*Exercise goal*.
Please copy out each line of the entries in which "PredefinedType" appears.

*The data*.
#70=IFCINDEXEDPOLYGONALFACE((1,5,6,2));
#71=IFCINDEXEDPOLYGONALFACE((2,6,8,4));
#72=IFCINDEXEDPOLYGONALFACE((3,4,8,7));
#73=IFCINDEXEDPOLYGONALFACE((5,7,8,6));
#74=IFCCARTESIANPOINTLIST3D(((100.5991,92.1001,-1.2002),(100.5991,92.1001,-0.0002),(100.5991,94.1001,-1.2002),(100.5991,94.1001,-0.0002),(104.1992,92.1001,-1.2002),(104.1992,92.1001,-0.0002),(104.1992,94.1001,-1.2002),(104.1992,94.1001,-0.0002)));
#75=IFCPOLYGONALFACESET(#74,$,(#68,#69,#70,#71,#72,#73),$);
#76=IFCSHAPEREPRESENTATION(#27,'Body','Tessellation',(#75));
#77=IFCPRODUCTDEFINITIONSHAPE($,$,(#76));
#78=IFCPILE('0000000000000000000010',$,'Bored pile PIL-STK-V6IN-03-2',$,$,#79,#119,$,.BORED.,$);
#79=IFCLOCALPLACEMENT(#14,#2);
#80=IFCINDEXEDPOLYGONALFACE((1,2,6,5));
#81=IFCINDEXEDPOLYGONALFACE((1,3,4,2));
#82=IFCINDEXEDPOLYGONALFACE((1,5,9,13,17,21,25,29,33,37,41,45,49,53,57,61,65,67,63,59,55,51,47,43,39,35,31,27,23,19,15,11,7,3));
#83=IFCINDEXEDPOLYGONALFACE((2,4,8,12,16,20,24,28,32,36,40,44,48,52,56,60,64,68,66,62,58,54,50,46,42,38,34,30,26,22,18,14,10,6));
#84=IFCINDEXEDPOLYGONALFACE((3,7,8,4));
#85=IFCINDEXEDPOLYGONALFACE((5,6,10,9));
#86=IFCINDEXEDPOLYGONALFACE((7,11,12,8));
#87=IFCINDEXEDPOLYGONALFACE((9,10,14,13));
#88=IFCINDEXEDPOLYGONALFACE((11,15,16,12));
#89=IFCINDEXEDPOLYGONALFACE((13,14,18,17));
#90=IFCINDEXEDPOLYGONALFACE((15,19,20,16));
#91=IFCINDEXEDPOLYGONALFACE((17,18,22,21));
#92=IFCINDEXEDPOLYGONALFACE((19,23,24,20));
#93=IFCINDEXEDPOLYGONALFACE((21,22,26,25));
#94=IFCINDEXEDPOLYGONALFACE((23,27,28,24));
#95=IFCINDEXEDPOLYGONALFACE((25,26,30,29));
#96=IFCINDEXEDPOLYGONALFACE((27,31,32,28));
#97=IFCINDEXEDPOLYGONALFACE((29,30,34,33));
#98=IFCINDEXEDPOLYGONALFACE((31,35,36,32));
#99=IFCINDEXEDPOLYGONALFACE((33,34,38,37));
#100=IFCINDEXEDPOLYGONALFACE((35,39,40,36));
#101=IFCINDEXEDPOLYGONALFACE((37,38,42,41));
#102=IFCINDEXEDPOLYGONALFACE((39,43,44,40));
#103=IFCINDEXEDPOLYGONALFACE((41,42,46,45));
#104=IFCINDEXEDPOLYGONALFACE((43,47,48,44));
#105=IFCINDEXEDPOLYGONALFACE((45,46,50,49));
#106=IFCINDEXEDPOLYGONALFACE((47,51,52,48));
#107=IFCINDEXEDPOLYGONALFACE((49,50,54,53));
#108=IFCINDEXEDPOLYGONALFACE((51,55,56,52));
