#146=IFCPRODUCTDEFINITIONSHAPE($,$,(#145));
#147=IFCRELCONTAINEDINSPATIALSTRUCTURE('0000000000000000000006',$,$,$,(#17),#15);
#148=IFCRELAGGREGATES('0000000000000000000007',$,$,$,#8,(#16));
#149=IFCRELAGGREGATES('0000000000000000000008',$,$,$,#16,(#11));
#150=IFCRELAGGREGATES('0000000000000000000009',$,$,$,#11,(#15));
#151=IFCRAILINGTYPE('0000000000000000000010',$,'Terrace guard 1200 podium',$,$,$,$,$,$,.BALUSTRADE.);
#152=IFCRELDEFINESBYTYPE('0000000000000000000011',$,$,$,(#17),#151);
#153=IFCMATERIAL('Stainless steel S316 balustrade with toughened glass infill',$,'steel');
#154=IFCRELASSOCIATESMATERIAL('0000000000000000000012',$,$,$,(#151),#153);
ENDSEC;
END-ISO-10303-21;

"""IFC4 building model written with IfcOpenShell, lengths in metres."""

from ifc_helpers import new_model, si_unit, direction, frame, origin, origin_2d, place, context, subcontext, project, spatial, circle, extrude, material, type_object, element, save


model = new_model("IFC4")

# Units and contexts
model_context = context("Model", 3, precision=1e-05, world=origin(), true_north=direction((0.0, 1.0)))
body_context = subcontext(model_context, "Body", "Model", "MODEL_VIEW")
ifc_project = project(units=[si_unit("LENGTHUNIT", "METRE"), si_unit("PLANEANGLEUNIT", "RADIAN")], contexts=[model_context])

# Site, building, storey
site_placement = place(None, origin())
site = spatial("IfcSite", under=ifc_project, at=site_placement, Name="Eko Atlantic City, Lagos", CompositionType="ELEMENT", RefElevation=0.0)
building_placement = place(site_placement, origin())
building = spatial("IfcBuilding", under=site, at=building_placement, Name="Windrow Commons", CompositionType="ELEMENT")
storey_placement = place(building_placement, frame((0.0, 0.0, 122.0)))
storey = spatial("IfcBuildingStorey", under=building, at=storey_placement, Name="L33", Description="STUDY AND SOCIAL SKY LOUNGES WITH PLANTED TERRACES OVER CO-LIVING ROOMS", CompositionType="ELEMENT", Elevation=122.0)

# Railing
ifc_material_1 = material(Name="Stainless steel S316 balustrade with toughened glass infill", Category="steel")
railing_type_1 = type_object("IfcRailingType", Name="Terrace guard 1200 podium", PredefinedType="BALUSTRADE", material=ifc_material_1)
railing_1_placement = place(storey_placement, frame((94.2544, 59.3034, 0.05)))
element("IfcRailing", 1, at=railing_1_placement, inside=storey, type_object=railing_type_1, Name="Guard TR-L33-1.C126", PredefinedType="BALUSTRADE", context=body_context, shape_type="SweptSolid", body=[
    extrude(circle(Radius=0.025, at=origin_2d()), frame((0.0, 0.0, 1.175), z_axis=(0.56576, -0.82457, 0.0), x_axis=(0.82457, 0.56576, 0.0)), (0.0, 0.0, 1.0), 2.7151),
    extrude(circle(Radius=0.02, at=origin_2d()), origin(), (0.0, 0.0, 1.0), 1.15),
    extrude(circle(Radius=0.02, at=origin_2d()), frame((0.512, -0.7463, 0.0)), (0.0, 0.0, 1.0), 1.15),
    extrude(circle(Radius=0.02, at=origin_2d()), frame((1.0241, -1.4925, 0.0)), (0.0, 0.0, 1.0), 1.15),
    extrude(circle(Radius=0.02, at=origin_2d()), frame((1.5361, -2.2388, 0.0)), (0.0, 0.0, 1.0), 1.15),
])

*Exercise solution*.
railing_type_1 = type_object("IfcRailingType", Name="Terrace guard 1200 podium", PredefinedType="BALUSTRADE", material=ifc_material_1)
element("IfcRailing", 1, at=railing_1_placement, inside=storey, type_object=railing_type_1, Name="Guard TR-L33-1.C126", PredefinedType="BALUSTRADE", context=body_context, shape_type="SweptSolid", body=[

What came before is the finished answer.